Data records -

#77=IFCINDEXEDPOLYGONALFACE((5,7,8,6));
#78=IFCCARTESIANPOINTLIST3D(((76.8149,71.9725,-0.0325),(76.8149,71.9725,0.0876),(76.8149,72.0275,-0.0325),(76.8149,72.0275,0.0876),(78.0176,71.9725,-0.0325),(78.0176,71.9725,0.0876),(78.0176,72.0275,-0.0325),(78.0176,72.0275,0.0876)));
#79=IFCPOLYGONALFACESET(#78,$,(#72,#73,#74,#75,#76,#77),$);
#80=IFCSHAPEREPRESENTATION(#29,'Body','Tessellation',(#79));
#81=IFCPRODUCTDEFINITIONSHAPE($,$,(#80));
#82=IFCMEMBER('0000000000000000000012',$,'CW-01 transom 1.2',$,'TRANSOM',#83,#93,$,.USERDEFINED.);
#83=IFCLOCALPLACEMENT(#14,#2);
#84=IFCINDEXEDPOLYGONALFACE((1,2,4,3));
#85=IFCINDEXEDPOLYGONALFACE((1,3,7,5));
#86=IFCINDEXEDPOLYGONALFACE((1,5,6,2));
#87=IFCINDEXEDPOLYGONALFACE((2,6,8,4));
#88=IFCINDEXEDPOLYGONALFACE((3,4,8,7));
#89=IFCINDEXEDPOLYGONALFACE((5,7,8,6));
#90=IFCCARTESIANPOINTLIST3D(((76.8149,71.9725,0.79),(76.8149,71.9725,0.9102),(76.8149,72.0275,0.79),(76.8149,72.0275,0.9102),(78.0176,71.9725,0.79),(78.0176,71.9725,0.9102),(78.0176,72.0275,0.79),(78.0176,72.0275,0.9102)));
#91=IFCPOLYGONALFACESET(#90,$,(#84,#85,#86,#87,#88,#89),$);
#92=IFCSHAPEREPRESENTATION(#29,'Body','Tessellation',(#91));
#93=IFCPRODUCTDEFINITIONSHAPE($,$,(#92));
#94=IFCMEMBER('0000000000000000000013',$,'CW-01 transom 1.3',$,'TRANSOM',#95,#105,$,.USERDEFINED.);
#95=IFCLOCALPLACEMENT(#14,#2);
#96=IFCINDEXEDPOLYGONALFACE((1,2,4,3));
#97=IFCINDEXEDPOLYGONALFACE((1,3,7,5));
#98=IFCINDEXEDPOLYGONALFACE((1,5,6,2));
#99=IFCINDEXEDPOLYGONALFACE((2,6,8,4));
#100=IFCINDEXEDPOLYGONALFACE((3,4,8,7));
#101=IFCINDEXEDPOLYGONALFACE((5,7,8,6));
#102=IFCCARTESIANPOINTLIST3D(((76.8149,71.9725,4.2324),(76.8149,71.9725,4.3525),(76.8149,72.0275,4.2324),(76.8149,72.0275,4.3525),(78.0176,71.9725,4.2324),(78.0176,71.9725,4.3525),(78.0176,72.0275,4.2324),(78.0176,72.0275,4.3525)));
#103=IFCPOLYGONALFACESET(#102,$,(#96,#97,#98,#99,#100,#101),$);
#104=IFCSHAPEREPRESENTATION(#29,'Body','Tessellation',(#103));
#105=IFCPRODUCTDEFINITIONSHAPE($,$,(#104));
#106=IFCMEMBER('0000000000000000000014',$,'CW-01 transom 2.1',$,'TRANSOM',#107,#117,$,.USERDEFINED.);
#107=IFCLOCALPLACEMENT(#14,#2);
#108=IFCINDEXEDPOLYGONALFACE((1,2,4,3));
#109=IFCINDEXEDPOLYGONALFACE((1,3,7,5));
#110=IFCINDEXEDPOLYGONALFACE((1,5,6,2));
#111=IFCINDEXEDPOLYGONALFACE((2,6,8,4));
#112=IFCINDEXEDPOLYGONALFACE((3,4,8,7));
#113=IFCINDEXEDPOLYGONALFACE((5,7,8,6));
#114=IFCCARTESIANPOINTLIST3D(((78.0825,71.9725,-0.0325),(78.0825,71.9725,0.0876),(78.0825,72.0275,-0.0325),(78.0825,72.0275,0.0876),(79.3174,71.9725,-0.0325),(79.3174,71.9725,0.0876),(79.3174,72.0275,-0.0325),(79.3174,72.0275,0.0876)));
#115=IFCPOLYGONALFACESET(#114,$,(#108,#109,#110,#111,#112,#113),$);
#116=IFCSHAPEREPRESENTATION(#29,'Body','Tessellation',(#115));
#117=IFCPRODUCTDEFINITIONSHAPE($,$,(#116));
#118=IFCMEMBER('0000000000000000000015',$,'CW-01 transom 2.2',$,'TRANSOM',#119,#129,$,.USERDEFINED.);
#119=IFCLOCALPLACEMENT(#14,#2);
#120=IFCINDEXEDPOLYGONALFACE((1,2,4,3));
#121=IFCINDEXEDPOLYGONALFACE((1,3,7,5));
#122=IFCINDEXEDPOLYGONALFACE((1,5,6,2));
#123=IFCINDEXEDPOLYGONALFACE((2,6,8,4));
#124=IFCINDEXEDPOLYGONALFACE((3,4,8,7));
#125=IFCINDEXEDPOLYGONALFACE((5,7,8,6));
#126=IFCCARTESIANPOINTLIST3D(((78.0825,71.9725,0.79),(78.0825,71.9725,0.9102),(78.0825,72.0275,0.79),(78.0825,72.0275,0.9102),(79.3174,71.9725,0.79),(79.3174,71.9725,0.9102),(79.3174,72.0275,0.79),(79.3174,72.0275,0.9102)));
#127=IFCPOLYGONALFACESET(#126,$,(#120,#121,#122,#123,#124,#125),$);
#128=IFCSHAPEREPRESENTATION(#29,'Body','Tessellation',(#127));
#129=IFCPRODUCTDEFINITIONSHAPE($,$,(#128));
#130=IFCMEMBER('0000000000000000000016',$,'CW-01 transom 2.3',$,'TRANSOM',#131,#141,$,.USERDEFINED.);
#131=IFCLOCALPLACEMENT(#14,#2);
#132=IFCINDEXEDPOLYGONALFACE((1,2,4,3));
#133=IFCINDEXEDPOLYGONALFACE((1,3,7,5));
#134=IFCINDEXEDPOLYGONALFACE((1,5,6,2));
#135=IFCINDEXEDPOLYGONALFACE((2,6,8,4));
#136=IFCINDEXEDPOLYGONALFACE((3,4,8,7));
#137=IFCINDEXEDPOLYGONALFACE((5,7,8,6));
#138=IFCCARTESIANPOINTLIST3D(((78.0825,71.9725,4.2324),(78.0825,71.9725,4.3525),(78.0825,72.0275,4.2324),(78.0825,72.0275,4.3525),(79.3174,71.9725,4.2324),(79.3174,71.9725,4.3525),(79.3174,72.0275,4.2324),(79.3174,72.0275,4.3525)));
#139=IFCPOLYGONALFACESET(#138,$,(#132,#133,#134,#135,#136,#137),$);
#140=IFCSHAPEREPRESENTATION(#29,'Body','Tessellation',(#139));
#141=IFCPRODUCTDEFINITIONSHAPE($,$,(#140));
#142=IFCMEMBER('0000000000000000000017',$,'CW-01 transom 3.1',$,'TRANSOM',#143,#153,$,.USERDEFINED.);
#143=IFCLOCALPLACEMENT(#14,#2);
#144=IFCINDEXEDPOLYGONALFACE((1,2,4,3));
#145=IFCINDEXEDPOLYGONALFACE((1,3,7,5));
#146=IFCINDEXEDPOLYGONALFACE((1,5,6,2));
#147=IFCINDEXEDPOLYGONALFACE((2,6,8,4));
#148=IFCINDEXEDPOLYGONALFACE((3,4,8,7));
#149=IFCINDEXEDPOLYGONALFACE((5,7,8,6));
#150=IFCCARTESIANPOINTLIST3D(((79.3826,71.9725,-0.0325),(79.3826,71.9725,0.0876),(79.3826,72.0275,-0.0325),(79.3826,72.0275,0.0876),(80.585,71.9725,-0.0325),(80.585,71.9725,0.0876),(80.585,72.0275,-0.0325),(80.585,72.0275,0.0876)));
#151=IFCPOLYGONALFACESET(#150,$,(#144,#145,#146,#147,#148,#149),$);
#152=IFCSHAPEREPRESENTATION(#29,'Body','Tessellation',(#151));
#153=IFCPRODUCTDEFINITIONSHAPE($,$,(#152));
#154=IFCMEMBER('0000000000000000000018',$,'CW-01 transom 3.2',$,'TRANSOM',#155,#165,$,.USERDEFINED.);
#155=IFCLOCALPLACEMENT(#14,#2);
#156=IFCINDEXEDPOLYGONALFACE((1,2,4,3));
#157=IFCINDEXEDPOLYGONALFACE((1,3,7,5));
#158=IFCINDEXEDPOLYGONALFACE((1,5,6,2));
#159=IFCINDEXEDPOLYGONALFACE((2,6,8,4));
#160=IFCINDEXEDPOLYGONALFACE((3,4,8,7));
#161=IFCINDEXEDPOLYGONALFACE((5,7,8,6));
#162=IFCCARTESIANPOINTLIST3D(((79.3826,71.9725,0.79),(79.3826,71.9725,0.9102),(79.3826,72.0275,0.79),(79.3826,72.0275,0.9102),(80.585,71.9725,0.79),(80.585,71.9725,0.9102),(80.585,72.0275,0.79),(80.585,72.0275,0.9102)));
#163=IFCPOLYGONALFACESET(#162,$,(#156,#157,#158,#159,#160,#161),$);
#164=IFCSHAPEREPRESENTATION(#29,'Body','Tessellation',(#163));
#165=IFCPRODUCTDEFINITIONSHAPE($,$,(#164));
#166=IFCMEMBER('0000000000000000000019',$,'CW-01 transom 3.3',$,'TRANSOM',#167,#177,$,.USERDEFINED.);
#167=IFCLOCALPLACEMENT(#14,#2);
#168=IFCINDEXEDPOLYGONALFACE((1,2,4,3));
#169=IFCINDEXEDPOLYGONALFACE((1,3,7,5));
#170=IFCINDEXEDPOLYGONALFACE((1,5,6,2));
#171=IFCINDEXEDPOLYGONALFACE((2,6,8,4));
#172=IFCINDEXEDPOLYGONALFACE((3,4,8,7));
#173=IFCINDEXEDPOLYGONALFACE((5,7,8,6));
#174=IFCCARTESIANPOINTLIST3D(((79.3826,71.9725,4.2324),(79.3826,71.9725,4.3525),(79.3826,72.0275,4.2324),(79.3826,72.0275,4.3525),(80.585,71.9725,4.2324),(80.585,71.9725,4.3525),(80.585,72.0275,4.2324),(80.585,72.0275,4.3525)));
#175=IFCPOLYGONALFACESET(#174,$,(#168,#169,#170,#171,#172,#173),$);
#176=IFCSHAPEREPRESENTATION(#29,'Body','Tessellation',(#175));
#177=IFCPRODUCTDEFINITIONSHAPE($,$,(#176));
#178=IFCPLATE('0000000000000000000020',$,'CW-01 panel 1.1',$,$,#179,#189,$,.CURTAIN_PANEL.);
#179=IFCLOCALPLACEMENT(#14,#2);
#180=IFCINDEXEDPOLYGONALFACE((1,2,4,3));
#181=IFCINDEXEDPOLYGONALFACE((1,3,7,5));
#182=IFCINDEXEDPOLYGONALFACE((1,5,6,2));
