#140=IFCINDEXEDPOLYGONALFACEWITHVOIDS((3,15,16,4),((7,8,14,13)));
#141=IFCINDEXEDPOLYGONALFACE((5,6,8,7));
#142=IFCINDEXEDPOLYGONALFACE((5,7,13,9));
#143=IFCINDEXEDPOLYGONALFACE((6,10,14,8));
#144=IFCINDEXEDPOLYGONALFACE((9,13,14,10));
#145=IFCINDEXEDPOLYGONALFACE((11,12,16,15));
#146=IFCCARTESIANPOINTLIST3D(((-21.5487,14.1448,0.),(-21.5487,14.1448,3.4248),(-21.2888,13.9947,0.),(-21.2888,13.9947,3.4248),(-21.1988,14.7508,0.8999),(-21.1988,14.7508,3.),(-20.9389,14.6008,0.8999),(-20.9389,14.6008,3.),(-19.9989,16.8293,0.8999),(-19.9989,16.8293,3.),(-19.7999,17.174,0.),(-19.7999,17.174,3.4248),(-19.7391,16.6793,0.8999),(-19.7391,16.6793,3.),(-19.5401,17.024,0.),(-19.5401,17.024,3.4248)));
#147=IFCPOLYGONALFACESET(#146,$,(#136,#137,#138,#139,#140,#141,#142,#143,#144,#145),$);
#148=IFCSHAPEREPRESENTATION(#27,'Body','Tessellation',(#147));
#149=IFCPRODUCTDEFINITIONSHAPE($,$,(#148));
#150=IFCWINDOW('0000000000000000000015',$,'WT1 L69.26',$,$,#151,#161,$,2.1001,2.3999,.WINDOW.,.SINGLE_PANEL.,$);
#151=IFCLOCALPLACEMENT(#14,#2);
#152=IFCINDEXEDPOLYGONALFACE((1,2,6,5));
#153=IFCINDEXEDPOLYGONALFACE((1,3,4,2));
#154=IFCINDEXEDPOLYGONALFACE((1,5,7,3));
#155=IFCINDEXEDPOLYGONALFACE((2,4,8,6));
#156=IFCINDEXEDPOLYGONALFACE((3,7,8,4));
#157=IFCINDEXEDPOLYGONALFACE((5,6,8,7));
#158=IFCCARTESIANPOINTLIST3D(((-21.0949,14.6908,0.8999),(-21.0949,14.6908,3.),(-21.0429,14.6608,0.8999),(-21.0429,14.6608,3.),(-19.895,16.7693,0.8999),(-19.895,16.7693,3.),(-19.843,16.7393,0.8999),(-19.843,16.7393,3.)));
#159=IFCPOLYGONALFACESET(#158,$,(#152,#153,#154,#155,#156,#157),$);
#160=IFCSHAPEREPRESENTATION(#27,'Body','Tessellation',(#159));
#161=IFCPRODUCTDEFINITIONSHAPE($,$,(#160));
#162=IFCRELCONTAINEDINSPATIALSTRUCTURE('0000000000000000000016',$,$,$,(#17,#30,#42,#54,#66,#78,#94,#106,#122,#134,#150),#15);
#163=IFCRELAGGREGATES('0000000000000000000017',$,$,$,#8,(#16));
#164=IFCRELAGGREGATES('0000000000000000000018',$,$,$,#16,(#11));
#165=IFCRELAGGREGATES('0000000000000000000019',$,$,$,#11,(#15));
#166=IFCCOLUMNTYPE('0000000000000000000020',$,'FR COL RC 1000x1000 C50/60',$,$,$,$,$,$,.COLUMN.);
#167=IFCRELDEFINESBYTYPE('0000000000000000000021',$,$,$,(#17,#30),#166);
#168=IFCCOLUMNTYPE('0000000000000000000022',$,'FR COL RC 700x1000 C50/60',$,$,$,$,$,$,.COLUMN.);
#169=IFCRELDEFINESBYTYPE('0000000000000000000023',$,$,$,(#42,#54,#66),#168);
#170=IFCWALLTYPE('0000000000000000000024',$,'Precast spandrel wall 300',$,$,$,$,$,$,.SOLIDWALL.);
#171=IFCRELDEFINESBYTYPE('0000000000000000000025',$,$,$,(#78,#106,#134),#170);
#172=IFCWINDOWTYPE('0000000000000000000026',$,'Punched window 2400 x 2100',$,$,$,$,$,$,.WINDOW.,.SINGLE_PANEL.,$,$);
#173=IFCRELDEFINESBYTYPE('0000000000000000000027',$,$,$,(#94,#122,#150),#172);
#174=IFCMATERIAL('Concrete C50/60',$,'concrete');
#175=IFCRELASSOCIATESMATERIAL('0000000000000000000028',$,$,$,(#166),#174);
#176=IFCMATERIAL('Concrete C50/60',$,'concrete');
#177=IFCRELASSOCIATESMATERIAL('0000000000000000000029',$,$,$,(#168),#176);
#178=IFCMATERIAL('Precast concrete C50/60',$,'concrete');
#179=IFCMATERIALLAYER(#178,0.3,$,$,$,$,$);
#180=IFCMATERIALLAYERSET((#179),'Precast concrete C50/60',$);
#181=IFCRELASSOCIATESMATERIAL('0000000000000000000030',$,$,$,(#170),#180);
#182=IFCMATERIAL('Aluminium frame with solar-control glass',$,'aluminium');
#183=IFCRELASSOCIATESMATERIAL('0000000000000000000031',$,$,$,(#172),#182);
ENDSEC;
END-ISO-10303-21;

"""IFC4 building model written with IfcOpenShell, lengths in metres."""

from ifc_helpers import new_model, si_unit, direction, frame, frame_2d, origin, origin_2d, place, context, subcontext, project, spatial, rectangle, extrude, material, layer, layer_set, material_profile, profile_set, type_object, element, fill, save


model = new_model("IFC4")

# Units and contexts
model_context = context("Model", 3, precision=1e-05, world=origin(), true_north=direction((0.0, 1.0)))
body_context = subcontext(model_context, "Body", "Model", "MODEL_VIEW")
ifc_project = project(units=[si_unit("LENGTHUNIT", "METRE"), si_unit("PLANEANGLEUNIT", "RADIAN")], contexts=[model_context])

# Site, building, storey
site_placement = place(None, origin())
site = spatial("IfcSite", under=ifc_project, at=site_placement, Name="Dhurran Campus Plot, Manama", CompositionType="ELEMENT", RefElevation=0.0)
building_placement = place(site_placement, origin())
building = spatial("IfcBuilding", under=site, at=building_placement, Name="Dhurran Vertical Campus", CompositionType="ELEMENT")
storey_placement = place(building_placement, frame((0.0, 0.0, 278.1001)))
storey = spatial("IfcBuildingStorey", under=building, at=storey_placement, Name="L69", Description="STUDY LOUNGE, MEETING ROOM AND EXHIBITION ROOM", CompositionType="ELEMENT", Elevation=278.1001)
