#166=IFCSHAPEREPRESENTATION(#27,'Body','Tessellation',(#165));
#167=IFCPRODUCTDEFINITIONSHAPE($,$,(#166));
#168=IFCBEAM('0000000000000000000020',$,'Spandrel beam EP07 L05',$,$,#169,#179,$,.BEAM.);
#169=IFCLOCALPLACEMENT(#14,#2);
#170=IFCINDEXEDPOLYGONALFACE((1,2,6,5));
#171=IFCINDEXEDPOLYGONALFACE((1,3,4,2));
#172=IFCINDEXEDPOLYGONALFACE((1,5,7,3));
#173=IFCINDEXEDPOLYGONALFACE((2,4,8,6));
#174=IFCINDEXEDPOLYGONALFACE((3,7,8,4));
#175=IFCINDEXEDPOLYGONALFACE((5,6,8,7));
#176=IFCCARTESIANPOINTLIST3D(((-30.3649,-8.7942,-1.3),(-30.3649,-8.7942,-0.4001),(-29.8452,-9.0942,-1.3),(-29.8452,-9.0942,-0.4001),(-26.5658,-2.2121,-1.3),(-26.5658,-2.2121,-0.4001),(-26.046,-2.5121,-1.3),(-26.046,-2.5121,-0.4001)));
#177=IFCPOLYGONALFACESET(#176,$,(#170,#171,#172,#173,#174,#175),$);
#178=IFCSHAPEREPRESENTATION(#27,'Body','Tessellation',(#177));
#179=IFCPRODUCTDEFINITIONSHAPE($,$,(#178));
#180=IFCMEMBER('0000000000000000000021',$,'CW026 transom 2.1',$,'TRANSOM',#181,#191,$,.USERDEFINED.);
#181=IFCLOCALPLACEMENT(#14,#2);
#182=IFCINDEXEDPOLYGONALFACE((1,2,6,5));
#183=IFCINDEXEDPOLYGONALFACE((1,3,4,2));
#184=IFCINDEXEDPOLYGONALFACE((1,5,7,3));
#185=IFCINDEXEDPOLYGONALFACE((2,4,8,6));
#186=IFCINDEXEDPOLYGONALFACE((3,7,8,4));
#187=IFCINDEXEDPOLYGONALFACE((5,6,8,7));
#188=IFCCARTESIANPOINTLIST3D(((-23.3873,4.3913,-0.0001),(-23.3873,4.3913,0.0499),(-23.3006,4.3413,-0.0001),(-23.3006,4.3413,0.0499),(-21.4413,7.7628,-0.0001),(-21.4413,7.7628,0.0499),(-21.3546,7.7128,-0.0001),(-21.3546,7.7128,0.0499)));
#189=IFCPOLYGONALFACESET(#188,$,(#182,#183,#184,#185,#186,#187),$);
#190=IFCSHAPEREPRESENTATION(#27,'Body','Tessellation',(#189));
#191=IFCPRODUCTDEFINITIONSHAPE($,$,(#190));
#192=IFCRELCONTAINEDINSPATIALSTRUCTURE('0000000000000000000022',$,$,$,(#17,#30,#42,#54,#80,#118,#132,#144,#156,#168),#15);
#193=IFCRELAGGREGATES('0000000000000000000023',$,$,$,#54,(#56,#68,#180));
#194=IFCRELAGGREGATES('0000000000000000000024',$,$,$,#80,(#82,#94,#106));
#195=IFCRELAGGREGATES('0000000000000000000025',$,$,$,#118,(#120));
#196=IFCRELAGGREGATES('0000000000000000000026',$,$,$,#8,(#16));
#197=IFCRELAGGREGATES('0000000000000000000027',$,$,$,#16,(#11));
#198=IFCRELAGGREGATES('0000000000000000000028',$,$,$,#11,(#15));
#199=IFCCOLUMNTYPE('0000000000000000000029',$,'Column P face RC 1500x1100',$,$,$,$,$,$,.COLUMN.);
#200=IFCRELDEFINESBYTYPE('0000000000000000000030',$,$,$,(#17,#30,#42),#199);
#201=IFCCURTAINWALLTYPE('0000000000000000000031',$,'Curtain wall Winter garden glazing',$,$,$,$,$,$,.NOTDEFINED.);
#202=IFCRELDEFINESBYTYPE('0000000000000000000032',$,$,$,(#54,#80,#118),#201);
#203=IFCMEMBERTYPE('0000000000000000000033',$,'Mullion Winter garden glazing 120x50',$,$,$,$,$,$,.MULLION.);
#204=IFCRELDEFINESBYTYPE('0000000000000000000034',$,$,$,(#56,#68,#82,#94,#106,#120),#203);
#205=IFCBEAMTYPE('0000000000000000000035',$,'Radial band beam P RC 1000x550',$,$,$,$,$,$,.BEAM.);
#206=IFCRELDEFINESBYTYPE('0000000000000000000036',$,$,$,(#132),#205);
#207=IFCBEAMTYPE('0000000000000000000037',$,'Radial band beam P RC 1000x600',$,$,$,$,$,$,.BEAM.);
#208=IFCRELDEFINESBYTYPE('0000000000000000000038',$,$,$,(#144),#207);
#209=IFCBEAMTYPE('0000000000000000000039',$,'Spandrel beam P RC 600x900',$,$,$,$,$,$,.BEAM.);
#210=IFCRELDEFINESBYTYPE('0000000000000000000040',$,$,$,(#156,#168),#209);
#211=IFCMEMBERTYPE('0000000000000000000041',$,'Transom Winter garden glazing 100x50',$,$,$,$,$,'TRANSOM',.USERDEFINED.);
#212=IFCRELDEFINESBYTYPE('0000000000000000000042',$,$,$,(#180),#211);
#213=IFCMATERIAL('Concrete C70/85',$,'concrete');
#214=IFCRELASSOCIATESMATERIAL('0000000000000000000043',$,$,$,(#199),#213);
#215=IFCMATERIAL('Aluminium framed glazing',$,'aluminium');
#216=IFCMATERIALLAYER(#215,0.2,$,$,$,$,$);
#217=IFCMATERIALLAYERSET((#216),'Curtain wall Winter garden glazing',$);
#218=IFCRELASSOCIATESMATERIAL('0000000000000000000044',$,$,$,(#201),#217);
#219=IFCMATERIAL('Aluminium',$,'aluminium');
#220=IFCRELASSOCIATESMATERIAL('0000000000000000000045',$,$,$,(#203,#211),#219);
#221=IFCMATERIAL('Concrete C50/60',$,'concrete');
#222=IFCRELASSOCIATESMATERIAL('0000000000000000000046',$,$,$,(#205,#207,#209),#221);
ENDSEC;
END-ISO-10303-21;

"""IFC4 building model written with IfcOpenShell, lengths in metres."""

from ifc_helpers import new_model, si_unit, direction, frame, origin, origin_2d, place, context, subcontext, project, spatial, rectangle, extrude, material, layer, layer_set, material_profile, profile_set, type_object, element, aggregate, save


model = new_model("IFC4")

What the task asks - From the entries above, return exactly the line containing "#180=IFCINDEXEDPOLYGONALFACE((1,2,4,3));", the line containing "#145=IFCINDEXEDPOLYGONALFACE((11,12,16,15));", and all lines between, and nothing else.

Expected output -
#180=IFCINDEXEDPOLYGONALFACE((1,2,4,3));
#181=IFCINDEXEDPOLYGONALFACE((1,3,7,5));
#182=IFCINDEXEDPOLYGONALFACE((1,5,6,2));
#140=IFCINDEXEDPOLYGONALFACEWITHVOIDS((3,15,16,4),((7,8,14,13)));
#141=IFCINDEXEDPOLYGONALFACE((5,6,8,7));
#142=IFCINDEXEDPOLYGONALFACE((5,7,13,9));
#143=IFCINDEXEDPOLYGONALFACE((6,10,14,8));
#144=IFCINDEXEDPOLYGONALFACE((9,13,14,10));
#145=IFCINDEXEDPOLYGONALFACE((11,12,16,15));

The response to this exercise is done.